Collected data entries –
* * * * *
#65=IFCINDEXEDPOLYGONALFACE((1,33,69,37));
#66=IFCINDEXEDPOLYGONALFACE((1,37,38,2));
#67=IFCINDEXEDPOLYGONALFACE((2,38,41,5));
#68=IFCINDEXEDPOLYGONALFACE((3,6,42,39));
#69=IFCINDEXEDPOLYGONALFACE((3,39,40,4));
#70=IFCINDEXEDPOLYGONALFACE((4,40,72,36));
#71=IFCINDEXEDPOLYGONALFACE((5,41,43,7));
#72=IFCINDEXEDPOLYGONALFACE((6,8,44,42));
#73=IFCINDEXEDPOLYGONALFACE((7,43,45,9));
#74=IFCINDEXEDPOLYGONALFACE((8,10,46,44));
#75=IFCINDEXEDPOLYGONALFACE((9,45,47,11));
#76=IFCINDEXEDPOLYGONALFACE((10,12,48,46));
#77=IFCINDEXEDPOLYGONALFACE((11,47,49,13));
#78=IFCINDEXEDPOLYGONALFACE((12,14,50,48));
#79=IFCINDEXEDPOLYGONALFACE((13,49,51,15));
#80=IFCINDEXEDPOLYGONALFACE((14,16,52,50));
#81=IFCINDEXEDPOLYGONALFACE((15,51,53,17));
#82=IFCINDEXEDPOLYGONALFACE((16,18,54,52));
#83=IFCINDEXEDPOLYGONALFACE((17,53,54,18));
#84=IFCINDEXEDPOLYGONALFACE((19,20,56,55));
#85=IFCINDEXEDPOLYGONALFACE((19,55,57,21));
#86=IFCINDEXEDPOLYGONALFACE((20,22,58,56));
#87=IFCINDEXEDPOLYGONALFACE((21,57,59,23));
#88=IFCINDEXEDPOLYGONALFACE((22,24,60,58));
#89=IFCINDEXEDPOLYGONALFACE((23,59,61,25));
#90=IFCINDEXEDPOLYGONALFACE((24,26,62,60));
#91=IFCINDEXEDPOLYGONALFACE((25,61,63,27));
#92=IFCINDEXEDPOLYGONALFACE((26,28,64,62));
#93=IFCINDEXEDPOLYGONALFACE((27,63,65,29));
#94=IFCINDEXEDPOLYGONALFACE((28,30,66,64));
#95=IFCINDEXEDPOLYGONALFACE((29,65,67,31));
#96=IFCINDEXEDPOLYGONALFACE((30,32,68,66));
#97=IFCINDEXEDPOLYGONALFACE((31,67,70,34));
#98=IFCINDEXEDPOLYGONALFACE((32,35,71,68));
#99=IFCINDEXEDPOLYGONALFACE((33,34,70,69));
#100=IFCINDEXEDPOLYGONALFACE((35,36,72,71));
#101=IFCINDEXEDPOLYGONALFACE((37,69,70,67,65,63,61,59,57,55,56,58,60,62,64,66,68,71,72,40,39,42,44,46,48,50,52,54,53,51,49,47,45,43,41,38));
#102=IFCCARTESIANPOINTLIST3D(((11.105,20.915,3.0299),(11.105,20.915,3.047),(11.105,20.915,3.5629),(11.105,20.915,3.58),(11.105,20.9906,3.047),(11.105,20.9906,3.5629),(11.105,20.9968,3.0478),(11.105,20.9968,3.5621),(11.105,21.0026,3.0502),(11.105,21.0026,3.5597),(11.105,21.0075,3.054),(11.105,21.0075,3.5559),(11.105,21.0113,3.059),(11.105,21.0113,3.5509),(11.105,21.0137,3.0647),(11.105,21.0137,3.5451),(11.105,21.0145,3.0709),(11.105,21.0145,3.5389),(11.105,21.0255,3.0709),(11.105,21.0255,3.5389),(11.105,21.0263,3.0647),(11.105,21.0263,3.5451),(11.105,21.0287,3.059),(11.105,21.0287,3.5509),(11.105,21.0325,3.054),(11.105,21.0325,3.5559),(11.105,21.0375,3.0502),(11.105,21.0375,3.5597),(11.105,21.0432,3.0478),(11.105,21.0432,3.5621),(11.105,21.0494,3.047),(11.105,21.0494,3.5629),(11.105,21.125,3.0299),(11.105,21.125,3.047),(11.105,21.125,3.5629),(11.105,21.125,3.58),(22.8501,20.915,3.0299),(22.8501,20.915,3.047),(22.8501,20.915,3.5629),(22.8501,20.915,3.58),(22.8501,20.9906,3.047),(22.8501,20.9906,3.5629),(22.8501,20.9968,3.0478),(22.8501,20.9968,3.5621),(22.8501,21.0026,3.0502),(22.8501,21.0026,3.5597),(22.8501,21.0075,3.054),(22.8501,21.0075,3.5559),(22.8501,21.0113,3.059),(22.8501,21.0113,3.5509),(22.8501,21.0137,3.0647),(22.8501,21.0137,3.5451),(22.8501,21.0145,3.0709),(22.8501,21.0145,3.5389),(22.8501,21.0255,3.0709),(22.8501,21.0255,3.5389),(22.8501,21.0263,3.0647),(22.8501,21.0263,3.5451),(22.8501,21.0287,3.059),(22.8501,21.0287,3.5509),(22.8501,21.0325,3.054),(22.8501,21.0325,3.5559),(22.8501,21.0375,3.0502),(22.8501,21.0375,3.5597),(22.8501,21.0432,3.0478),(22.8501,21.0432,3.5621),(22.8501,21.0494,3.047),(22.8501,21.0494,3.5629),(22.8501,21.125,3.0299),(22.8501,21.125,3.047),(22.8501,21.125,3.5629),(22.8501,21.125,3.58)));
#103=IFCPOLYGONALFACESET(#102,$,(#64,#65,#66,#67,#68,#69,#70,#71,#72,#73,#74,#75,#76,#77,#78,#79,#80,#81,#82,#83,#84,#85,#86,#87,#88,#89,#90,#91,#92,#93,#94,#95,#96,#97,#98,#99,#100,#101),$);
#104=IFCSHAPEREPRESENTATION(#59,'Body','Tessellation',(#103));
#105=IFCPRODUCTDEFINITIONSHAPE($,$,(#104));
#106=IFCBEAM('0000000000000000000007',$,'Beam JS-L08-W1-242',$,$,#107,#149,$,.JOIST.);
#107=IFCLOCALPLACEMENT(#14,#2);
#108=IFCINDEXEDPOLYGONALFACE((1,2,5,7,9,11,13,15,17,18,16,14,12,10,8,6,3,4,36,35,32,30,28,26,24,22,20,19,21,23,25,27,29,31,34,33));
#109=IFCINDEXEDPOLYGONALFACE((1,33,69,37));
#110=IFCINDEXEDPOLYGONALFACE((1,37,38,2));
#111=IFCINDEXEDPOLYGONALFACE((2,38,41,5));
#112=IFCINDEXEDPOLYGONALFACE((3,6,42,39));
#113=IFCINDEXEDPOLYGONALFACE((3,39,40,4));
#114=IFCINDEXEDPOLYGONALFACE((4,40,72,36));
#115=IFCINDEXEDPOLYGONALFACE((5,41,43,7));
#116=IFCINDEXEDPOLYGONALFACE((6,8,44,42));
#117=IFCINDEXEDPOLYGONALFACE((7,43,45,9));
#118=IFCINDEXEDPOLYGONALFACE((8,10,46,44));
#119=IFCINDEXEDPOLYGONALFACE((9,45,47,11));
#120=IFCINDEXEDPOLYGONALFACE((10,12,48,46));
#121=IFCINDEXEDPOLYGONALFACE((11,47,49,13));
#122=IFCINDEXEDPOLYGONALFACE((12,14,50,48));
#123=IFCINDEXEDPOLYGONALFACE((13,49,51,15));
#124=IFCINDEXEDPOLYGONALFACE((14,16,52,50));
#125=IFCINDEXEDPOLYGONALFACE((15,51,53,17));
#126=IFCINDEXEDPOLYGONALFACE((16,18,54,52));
* * * * *
WORK INSTRUCTIONS – From the records above, extract exactly and only the lines that begin at the line with "#109=IFCINDEXEDPOLYGONALFACE((1,33,69,37));" and stop after the line with "#115=IFCINDEXEDPOLYGONALFACE((5,41,43,7));".

SOLVED EXERCISE –
#109=IFCINDEXEDPOLYGONALFACE((1,33,69,37));
#110=IFCINDEXEDPOLYGONALFACE((1,37,38,2));
#111=IFCINDEXEDPOLYGONALFACE((2,38,41,5));
#112=IFCINDEXEDPOLYGONALFACE((3,6,42,39));
#113=IFCINDEXEDPOLYGONALFACE((3,39,40,4));
#114=IFCINDEXEDPOLYGONALFACE((4,40,72,36));
#115=IFCINDEXEDPOLYGONALFACE((5,41,43,7));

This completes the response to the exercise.